» Stored data entries
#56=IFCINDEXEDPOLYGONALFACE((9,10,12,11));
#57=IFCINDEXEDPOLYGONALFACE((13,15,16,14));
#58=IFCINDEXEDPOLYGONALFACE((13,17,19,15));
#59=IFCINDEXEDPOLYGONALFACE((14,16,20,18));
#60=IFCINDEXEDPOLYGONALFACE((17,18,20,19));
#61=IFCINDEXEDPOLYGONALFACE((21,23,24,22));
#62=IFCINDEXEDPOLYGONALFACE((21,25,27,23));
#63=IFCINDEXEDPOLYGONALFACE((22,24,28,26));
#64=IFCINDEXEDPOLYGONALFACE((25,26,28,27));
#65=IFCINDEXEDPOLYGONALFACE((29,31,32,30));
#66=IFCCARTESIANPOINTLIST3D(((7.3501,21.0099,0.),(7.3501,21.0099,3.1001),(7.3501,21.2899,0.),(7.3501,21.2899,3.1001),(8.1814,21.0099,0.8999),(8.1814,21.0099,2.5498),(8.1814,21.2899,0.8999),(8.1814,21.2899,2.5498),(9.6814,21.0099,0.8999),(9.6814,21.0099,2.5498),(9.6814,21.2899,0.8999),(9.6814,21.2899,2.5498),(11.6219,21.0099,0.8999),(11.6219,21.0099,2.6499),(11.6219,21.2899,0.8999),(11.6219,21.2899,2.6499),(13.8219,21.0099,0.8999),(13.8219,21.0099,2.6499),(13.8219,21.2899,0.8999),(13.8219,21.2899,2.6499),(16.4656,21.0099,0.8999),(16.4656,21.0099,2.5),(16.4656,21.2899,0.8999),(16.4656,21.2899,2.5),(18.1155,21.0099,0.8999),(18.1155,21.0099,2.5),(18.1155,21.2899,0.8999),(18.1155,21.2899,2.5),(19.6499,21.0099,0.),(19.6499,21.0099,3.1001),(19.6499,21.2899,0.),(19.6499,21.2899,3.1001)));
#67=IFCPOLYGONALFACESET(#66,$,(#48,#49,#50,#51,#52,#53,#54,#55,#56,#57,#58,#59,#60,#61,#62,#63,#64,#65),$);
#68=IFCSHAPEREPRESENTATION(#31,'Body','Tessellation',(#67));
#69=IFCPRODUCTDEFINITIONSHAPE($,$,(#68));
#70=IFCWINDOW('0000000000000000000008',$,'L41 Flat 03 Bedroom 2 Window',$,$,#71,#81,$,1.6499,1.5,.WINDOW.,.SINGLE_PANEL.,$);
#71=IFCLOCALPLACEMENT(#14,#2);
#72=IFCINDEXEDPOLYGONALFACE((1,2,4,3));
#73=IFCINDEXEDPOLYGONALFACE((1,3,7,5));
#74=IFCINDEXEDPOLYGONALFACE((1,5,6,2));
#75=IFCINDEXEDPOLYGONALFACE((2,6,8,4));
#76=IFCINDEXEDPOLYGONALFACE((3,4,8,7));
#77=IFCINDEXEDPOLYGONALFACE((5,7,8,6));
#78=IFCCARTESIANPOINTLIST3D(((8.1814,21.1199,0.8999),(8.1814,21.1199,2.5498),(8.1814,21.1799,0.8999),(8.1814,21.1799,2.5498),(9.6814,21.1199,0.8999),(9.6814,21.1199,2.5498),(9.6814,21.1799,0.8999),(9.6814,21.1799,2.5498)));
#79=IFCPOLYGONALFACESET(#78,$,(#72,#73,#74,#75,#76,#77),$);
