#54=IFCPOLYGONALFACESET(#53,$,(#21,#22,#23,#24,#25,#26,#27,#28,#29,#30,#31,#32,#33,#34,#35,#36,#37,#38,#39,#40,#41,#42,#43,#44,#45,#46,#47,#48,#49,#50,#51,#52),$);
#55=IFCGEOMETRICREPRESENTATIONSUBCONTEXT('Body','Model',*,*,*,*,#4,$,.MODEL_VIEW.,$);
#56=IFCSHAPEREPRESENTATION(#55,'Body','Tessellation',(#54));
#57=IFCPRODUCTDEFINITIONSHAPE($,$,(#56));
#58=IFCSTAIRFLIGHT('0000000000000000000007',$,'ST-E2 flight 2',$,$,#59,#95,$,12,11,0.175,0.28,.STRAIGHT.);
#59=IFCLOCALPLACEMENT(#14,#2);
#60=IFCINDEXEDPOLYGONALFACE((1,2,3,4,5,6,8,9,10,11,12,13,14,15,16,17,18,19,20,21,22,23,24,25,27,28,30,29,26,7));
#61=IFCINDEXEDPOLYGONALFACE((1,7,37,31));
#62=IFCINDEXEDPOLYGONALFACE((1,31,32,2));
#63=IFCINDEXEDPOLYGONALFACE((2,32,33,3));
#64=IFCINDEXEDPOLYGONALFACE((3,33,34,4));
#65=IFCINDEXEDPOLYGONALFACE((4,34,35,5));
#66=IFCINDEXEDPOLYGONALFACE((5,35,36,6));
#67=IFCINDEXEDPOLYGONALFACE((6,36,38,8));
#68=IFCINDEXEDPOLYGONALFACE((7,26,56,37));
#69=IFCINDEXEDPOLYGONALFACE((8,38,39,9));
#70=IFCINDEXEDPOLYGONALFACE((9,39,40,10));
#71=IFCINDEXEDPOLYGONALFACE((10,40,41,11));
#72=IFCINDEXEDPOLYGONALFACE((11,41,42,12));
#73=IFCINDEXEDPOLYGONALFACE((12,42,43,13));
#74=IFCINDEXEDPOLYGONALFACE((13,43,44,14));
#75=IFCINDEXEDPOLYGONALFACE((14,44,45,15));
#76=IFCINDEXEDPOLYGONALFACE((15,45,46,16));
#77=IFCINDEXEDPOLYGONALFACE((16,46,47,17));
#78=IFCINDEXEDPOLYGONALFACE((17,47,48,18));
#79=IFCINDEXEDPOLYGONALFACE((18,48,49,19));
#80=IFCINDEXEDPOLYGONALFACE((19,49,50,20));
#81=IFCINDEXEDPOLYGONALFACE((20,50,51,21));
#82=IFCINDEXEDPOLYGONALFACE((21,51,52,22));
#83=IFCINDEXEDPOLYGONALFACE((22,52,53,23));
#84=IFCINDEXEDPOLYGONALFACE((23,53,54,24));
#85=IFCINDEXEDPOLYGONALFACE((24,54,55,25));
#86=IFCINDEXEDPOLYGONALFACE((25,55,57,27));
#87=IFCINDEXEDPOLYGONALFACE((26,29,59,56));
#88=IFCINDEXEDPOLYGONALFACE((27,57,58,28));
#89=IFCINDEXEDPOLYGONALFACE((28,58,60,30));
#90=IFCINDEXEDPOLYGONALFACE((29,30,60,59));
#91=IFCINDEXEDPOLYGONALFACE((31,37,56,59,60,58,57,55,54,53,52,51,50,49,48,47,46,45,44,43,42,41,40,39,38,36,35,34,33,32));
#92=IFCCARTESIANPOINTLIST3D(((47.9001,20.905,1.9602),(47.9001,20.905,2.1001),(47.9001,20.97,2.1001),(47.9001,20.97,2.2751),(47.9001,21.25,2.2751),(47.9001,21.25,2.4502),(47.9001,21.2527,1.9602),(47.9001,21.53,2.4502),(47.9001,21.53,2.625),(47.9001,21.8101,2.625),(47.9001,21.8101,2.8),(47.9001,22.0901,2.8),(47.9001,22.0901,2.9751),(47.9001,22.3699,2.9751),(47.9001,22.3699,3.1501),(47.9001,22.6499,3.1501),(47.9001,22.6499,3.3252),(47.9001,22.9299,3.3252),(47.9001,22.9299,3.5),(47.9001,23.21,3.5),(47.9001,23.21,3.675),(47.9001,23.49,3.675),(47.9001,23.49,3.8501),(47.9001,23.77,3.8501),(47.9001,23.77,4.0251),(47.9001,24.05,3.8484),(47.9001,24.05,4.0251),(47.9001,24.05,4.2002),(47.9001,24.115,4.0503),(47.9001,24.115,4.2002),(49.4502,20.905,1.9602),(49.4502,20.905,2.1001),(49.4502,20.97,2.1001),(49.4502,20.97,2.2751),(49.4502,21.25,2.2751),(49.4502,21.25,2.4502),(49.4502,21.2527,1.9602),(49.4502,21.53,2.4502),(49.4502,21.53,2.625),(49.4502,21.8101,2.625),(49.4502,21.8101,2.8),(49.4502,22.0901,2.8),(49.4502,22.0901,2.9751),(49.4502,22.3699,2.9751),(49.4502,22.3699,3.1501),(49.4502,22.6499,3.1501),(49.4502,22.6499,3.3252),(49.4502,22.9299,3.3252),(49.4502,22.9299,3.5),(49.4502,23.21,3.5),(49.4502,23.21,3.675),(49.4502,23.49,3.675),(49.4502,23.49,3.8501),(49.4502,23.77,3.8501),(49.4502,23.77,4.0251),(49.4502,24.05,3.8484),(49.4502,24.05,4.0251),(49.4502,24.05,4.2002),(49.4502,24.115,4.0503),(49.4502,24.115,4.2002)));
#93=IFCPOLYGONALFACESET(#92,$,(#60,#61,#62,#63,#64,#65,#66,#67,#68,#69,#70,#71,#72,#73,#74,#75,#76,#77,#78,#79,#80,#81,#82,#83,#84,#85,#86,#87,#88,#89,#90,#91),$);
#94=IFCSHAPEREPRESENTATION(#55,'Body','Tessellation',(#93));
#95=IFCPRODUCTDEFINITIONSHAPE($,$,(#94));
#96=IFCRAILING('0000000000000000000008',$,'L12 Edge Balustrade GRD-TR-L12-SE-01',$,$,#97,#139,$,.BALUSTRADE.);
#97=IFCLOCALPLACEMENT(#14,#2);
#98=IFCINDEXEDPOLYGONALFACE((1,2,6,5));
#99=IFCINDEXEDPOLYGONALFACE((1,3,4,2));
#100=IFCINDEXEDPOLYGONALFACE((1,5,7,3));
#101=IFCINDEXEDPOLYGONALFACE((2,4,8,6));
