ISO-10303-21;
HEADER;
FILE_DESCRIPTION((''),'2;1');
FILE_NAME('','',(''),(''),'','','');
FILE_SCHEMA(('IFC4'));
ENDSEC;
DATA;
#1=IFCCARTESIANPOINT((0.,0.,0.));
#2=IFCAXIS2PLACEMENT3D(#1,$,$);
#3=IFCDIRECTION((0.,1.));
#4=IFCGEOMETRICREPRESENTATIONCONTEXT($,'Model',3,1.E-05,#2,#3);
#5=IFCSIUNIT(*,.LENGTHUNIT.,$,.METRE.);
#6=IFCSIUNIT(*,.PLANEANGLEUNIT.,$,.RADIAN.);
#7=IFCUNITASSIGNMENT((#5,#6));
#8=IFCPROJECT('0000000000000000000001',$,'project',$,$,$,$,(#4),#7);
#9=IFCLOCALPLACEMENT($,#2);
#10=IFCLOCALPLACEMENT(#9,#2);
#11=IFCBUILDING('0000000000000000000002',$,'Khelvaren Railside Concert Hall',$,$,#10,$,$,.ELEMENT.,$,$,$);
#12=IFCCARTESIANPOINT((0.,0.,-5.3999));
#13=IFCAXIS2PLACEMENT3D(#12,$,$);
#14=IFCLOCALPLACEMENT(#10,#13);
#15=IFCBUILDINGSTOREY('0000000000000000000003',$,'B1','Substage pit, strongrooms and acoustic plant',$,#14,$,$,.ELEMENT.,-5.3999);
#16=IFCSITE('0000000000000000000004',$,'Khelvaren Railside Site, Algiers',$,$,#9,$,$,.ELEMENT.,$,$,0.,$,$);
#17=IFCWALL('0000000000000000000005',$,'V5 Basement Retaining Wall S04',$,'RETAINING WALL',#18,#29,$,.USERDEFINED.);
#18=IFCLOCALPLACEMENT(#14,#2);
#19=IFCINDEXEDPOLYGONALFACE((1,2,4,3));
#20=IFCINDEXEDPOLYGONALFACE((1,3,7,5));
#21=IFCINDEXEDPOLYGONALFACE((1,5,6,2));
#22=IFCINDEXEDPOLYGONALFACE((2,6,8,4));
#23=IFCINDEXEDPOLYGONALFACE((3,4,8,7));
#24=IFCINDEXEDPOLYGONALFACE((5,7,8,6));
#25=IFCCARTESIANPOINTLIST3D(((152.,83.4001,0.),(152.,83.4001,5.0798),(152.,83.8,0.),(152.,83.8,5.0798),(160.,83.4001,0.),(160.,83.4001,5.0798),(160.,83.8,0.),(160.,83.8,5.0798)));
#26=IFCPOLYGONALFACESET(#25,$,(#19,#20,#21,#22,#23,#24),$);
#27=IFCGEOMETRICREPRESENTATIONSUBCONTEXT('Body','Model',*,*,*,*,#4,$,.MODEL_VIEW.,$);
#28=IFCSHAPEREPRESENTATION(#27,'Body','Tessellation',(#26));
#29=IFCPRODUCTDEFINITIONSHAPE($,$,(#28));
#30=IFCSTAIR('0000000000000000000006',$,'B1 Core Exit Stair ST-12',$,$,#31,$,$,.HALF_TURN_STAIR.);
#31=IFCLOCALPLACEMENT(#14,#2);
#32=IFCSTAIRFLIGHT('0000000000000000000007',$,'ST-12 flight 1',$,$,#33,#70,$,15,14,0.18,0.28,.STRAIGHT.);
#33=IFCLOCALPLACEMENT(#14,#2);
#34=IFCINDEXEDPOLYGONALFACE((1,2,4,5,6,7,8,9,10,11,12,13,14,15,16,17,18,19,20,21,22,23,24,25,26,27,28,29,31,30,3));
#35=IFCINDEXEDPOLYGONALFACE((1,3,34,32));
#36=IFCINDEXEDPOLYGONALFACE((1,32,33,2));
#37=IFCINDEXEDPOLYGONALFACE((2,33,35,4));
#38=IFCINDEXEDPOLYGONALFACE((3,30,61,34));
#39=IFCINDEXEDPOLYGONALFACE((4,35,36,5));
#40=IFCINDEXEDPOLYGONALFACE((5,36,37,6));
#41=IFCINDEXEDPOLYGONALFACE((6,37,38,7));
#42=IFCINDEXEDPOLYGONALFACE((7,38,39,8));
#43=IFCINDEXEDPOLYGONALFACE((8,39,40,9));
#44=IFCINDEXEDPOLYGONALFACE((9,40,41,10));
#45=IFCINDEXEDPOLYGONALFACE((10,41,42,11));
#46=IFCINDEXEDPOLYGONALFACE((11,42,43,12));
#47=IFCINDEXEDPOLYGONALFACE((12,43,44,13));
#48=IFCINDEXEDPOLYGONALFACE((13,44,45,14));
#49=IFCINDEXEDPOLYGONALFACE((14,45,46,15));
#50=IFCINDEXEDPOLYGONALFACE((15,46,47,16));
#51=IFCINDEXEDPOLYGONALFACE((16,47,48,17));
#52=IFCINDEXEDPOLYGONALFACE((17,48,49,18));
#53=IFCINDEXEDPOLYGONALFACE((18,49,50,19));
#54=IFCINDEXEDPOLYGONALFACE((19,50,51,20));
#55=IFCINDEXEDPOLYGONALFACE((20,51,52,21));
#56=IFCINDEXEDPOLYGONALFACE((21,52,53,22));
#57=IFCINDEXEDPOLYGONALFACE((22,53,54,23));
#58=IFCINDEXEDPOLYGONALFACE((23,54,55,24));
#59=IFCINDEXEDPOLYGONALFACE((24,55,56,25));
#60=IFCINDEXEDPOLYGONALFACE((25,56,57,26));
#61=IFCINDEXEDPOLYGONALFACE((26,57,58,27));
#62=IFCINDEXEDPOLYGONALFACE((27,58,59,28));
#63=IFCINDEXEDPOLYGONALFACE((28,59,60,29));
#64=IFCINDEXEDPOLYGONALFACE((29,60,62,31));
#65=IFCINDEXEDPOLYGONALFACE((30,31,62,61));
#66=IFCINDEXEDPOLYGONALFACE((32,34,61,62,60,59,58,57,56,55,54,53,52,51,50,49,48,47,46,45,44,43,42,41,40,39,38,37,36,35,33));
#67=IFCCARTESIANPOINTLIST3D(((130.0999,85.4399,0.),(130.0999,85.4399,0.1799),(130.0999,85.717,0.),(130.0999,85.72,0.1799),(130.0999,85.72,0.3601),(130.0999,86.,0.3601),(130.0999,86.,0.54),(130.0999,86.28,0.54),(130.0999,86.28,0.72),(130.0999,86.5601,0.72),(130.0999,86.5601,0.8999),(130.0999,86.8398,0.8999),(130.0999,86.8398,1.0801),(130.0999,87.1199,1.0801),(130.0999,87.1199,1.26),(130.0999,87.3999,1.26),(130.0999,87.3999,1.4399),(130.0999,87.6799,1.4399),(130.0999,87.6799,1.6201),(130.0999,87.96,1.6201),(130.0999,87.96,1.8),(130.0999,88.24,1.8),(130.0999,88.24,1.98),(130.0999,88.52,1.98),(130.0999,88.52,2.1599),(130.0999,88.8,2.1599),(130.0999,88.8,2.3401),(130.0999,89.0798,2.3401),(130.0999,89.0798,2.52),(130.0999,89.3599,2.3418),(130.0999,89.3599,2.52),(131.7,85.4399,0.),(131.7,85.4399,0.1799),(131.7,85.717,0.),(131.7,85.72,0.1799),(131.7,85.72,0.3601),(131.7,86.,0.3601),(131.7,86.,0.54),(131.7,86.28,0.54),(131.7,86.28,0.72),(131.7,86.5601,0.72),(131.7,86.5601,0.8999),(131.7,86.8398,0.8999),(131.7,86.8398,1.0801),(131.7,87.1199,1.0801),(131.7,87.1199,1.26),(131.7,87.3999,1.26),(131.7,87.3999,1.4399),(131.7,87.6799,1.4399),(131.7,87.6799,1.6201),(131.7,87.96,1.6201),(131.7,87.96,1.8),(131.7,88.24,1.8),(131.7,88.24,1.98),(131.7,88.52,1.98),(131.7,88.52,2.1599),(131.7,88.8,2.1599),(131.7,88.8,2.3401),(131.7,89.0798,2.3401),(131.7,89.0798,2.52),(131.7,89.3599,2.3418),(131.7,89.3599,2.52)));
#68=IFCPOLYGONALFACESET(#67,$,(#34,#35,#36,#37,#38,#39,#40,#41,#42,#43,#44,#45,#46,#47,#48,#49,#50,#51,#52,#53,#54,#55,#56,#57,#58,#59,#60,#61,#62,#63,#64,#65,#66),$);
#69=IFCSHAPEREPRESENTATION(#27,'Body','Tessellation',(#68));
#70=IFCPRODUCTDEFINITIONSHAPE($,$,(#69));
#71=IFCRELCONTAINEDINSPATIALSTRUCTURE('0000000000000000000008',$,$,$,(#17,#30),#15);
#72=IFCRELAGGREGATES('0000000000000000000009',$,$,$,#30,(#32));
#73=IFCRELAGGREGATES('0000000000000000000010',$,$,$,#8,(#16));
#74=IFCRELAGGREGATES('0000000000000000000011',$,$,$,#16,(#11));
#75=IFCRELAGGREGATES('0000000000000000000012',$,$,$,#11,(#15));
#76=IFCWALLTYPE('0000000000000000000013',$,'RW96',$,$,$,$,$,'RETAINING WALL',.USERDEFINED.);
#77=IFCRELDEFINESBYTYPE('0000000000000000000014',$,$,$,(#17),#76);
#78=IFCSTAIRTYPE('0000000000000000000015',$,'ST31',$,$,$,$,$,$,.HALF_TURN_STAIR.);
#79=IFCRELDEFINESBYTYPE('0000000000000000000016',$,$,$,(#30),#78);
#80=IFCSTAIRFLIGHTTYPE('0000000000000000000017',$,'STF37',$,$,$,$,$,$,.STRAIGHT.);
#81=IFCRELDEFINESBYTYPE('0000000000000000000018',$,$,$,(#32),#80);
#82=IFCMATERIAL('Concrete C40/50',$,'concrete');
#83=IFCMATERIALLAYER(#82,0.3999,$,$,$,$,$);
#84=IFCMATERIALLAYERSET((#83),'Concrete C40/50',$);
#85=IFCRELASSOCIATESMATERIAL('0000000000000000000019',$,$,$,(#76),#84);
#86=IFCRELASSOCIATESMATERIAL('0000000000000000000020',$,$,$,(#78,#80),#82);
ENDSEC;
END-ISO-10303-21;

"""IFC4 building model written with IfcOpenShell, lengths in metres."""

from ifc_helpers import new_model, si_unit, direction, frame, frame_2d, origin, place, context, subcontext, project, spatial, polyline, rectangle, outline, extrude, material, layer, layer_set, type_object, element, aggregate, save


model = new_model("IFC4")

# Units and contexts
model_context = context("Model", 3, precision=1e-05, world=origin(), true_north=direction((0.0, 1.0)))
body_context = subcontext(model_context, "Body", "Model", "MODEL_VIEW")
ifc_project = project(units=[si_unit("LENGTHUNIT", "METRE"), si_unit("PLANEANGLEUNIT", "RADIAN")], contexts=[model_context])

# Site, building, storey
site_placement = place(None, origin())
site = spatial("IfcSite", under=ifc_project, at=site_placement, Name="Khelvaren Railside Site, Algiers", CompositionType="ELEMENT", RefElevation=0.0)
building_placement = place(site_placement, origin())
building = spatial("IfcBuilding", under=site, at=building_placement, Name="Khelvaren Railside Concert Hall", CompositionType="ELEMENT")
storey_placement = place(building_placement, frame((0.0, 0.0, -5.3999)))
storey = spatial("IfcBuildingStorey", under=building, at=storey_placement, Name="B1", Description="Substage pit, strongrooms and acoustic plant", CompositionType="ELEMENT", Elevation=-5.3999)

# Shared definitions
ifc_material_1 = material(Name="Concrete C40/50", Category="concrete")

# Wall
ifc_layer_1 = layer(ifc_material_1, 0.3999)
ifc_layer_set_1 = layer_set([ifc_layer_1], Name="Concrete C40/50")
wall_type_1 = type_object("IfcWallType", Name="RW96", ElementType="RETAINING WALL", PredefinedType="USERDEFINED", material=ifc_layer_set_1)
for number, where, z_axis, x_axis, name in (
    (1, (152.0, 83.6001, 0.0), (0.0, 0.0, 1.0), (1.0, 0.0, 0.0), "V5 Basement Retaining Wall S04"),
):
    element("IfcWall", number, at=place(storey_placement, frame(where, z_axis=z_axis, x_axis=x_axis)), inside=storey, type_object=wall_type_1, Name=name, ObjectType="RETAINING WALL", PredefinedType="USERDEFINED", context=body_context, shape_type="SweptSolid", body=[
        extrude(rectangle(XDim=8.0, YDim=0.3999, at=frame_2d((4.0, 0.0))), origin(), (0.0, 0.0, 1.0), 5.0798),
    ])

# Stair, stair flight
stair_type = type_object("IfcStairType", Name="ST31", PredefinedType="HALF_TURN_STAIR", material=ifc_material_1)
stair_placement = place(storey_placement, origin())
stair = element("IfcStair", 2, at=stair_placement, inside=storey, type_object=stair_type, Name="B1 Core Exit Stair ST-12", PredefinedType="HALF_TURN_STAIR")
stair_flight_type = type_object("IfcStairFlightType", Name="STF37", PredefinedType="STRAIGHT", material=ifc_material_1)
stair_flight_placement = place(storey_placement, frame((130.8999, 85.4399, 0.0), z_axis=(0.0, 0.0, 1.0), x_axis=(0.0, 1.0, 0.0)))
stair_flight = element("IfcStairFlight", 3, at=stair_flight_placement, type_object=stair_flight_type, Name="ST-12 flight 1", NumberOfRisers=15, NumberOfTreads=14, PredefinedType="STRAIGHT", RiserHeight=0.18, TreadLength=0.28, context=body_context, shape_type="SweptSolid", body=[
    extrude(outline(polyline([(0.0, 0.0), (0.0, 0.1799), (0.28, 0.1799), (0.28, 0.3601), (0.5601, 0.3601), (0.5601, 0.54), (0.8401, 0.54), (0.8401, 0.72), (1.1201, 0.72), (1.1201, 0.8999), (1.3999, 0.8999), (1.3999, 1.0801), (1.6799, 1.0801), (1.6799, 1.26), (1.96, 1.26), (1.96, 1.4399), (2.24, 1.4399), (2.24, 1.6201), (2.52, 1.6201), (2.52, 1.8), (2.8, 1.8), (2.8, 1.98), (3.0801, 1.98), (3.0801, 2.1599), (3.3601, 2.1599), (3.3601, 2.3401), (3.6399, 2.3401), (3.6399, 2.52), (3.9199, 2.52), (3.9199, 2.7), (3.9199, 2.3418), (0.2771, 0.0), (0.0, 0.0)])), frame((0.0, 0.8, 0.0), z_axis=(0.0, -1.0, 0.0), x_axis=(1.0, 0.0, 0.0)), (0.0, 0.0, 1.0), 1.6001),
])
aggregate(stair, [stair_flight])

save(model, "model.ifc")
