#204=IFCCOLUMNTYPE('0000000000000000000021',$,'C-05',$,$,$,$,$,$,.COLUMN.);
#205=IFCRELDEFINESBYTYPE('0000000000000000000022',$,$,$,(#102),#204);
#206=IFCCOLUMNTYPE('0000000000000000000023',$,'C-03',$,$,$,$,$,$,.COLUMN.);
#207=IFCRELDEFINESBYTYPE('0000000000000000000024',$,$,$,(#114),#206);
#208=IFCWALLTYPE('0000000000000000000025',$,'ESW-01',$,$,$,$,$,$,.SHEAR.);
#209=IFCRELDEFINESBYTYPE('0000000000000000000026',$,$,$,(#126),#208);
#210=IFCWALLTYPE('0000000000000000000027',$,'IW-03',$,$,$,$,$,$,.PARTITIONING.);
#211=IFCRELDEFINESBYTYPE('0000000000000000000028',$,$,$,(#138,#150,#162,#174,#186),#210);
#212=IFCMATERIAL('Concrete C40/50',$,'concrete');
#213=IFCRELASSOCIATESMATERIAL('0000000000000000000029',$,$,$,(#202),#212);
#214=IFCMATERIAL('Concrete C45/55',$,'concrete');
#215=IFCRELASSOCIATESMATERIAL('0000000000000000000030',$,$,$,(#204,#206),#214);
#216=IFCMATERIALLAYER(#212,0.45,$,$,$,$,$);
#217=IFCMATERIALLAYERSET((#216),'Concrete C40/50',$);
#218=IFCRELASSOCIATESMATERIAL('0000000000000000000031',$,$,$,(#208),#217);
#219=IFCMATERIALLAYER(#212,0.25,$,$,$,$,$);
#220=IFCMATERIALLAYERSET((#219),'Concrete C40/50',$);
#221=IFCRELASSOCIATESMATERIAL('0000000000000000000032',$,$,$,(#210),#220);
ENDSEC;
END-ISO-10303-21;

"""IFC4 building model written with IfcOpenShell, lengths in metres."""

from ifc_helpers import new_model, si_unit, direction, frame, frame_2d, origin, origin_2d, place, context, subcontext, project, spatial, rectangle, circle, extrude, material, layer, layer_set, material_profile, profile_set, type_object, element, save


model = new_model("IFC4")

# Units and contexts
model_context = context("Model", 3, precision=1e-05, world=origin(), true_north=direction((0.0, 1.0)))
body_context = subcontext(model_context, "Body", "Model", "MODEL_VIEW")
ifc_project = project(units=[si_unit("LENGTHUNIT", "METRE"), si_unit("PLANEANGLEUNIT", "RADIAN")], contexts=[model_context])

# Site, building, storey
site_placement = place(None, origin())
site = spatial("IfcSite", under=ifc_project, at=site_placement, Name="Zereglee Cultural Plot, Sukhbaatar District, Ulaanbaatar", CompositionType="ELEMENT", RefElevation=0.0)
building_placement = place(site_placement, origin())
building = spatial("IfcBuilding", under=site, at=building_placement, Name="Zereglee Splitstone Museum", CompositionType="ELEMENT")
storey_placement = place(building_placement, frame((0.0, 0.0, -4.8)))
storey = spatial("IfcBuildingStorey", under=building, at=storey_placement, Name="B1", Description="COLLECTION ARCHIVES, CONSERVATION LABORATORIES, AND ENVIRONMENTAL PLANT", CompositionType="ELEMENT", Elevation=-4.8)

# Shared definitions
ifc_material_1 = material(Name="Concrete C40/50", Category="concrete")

» TASK PROMPT
Could you transcribe the entries exactly, from the first line through the line containing "#64=IFCINDEXEDPOLYGONALFACE((25,26,28,27));", and give nothing more?

» TASK RESPONSE
#56=IFCINDEXEDPOLYGONALFACE((9,10,12,11));
#57=IFCINDEXEDPOLYGONALFACE((13,15,16,14));
#58=IFCINDEXEDPOLYGONALFACE((13,17,19,15));
#59=IFCINDEXEDPOLYGONALFACE((14,16,20,18));
#60=IFCINDEXEDPOLYGONALFACE((17,18,20,19));
#61=IFCINDEXEDPOLYGONALFACE((21,23,24,22));
#62=IFCINDEXEDPOLYGONALFACE((21,25,27,23));
#63=IFCINDEXEDPOLYGONALFACE((22,24,28,26));
#64=IFCINDEXEDPOLYGONALFACE((25,26,28,27));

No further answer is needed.